Stored data entries:
--- START ---

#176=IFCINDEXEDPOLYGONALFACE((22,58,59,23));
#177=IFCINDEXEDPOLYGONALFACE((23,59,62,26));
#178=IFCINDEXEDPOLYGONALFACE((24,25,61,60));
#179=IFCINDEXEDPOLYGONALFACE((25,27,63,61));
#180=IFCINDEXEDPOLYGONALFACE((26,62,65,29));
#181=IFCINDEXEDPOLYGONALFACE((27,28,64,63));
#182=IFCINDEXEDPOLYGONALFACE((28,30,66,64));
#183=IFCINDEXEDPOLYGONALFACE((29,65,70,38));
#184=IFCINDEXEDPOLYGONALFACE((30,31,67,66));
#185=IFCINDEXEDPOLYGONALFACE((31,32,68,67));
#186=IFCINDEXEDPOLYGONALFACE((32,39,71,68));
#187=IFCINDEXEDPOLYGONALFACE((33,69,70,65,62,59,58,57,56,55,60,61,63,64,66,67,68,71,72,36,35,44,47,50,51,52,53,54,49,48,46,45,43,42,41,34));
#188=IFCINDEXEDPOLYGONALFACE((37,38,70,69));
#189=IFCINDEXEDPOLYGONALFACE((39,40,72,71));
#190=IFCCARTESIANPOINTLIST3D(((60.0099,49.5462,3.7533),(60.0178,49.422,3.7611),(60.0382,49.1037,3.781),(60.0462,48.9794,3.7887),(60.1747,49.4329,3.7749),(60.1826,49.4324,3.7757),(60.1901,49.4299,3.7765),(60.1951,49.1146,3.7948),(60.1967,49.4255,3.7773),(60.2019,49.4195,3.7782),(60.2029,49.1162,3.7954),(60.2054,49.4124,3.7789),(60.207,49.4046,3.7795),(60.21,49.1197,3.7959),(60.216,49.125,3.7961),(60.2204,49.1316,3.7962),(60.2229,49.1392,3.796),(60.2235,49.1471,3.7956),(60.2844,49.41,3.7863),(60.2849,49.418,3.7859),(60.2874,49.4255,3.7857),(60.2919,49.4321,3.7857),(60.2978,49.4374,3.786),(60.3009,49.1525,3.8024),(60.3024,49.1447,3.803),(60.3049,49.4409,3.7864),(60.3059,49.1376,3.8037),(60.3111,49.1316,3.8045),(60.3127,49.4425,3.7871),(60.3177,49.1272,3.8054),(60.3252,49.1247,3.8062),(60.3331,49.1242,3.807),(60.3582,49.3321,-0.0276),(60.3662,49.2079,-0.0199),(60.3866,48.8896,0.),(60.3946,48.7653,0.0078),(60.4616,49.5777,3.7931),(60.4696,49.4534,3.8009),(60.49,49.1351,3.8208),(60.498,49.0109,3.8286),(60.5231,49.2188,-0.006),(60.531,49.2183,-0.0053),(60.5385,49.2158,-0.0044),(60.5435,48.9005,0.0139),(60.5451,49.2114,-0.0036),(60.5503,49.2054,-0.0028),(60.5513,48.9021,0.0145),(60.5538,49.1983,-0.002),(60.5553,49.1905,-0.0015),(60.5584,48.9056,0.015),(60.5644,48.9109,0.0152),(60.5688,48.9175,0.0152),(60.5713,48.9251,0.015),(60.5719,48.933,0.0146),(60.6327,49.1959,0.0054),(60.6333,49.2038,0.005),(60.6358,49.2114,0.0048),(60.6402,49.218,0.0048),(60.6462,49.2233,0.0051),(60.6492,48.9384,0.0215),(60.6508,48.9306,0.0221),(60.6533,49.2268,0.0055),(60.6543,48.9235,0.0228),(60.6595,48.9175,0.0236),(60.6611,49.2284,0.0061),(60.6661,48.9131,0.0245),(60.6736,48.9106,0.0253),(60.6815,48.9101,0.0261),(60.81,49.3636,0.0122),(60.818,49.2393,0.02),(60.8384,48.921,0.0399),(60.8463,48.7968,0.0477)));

--- END ---
--- START ---

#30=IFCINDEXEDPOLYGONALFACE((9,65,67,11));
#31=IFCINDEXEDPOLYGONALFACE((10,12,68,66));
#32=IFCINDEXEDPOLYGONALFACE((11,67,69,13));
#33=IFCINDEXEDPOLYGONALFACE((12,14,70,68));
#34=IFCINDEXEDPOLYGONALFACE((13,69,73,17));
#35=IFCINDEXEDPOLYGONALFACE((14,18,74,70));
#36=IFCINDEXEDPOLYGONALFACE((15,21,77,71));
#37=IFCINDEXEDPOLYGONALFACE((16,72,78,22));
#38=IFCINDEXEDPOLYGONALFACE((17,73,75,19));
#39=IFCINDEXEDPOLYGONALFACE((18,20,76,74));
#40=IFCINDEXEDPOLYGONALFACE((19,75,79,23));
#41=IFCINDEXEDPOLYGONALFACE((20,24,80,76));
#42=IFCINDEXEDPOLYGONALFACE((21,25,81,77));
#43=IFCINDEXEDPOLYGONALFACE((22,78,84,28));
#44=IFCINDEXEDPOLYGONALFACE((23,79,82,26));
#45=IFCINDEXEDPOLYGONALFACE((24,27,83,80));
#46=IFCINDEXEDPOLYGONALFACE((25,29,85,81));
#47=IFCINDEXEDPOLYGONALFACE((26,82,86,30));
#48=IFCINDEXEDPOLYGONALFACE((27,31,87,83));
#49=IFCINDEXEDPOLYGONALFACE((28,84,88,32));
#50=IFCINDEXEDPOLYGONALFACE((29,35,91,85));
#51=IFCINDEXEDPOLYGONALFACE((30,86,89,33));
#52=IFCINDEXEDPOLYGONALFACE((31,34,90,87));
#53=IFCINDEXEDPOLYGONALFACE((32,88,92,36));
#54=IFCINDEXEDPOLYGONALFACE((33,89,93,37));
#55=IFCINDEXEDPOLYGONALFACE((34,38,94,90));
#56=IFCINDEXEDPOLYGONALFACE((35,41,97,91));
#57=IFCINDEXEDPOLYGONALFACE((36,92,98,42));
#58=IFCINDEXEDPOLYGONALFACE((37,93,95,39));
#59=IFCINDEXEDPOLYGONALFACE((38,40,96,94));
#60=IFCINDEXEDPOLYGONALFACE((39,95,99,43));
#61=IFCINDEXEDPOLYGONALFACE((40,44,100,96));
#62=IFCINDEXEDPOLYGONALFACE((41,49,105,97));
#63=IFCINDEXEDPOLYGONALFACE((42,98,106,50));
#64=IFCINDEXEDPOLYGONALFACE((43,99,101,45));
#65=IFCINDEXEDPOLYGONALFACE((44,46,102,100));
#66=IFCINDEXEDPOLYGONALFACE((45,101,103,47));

--- END ---
--- START ---

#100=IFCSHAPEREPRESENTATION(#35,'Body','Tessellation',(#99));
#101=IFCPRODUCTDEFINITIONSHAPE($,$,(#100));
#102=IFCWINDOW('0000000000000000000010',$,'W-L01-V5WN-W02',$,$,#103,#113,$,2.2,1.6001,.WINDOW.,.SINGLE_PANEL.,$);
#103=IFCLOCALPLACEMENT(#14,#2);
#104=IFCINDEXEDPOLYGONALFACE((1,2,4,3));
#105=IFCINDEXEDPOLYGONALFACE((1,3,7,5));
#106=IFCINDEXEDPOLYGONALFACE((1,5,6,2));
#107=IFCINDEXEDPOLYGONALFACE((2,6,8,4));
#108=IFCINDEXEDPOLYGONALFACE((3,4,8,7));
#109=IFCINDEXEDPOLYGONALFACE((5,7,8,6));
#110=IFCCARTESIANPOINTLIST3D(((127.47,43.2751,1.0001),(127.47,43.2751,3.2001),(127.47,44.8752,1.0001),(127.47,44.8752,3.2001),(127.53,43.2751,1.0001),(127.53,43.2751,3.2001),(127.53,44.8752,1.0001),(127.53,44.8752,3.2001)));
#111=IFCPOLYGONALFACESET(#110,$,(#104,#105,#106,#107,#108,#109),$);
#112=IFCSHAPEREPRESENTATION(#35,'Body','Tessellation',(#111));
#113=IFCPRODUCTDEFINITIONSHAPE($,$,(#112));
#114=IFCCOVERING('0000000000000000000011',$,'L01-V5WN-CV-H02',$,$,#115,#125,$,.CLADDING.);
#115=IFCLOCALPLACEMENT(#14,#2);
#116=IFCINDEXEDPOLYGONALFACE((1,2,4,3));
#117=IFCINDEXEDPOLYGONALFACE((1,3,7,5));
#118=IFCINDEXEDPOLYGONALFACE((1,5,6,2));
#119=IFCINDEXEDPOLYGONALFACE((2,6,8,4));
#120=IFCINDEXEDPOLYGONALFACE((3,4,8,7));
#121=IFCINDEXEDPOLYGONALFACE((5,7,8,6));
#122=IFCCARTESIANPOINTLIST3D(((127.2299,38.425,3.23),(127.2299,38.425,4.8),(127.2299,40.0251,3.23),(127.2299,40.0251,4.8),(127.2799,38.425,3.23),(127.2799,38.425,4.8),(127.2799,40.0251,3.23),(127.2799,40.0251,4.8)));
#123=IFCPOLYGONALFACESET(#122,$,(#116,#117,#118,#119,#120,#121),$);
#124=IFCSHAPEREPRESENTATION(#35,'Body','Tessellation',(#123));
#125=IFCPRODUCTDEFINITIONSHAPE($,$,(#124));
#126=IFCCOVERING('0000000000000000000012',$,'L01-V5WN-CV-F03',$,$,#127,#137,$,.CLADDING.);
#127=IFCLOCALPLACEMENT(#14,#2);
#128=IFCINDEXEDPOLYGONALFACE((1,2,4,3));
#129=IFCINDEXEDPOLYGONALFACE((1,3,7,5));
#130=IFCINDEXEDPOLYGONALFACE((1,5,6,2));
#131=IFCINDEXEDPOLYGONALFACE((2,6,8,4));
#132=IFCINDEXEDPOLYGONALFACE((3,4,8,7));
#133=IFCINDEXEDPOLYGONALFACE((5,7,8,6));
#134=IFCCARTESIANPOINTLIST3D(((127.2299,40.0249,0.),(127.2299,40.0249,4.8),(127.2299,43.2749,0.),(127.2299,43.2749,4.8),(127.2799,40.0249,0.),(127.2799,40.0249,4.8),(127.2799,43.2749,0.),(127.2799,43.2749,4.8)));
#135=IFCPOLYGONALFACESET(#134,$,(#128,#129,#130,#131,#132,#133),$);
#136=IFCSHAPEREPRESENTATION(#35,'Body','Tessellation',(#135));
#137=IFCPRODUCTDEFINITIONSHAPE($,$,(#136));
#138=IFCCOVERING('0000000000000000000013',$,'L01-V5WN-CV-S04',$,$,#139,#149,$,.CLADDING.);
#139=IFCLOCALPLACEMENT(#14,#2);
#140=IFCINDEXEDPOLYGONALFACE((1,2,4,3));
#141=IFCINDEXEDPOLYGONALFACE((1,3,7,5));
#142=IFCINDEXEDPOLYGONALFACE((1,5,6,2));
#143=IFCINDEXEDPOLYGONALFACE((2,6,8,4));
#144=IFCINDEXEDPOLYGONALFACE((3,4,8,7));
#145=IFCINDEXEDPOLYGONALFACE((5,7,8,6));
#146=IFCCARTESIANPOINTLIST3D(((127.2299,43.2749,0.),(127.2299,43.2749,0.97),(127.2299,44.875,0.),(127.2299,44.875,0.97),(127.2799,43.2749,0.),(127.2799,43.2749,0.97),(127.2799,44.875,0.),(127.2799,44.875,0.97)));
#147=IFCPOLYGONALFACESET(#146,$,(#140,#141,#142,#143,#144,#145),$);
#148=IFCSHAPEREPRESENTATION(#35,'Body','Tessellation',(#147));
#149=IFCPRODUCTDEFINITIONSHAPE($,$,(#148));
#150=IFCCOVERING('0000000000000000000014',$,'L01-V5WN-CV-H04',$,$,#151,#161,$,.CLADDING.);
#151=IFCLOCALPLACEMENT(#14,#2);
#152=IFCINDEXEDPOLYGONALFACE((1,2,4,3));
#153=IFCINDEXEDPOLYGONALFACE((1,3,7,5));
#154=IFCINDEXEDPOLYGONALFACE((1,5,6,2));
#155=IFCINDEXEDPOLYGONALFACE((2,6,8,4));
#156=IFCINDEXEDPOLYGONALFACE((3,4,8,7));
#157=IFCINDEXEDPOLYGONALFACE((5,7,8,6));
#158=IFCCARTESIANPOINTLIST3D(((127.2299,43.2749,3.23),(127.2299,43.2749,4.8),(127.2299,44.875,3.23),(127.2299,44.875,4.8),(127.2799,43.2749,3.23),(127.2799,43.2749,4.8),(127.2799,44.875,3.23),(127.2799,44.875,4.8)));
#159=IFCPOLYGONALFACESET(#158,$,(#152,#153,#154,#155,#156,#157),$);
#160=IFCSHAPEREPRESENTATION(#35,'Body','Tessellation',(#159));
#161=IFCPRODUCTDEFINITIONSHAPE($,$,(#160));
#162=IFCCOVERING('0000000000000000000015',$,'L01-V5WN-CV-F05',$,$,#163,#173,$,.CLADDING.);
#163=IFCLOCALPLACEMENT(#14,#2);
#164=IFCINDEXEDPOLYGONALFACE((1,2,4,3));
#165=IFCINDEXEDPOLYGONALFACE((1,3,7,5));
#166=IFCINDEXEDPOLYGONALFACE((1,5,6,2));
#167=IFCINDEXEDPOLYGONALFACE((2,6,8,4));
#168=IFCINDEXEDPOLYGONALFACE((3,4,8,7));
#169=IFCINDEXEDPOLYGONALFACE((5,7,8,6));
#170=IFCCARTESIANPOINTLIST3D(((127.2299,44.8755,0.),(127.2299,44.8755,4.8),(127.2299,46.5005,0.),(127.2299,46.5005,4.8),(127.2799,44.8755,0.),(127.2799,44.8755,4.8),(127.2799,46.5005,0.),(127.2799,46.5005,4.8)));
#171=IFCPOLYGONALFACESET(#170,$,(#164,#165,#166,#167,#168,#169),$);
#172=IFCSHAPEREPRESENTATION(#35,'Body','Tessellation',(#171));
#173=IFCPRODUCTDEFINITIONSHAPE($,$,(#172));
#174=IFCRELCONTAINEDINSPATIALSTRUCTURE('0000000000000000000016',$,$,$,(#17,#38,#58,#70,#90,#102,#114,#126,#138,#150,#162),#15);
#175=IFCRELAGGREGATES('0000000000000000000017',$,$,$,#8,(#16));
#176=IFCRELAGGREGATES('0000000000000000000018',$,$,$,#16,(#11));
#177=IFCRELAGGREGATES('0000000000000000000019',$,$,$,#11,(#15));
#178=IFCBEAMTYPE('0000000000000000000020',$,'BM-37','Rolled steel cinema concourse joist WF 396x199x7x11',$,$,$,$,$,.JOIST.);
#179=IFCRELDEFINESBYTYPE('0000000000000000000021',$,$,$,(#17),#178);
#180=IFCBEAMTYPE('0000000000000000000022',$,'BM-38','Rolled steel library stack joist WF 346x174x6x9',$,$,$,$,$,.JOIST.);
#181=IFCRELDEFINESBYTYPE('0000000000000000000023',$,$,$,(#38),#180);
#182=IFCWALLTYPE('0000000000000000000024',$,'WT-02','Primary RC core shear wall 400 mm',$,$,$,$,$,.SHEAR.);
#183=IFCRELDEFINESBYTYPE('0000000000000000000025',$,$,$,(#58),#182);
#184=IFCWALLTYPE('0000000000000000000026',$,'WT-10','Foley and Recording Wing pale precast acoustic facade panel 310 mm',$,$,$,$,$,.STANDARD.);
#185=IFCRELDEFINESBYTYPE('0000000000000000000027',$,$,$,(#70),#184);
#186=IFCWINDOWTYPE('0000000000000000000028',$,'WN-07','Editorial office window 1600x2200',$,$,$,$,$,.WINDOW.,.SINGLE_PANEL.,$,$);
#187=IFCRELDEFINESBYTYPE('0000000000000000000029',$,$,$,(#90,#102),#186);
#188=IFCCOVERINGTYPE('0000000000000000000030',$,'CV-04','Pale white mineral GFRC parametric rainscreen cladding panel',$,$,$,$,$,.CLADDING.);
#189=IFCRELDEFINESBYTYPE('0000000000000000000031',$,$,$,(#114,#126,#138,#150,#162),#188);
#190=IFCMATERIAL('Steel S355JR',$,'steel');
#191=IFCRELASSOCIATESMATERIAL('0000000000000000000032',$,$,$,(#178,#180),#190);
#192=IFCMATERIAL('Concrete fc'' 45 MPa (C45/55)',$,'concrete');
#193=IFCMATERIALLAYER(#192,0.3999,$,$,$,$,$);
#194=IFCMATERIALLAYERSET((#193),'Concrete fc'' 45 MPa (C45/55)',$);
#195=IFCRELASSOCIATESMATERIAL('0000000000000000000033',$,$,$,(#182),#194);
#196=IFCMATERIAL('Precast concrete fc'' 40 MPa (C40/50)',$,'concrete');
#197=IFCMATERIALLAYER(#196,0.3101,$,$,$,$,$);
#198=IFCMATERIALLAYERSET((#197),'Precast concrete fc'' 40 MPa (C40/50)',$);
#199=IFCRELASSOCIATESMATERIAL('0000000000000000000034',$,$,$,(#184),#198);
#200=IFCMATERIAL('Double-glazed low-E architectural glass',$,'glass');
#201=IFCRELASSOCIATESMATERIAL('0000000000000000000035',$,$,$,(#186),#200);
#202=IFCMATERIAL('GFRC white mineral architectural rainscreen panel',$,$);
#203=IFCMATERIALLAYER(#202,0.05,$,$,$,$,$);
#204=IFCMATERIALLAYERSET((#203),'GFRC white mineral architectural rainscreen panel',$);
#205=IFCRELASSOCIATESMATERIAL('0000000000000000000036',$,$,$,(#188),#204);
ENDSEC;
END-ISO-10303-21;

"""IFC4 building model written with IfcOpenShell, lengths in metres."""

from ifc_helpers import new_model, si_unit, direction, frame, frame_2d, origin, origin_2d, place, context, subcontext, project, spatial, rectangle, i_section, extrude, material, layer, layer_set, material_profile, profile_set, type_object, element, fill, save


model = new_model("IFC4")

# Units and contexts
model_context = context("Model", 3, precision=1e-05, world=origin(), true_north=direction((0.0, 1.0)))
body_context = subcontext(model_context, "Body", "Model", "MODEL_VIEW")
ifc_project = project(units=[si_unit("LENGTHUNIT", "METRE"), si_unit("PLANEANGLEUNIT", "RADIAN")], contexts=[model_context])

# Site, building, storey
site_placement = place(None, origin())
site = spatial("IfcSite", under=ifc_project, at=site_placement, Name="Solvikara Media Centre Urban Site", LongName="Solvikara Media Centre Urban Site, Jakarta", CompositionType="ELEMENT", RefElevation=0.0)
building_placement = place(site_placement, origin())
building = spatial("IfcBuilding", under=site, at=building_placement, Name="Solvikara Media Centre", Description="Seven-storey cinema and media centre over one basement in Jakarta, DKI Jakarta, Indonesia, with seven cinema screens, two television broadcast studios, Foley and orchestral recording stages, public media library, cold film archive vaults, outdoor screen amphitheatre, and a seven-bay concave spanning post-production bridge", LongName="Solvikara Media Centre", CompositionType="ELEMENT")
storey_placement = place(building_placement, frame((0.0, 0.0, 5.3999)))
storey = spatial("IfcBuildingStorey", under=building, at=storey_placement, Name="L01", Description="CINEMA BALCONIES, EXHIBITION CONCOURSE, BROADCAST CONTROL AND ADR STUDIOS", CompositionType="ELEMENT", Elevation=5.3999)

--- END ---

## ACTIVITY:
With "IFCLOCALPLACEMENT" as the search string, filter the records and return each line that has it.

## YOUR SOLUTION:
#103=IFCLOCALPLACEMENT(#14,#2);
#115=IFCLOCALPLACEMENT(#14,#2);
#127=IFCLOCALPLACEMENT(#14,#2);
#139=IFCLOCALPLACEMENT(#14,#2);
#151=IFCLOCALPLACEMENT(#14,#2);
#163=IFCLOCALPLACEMENT(#14,#2);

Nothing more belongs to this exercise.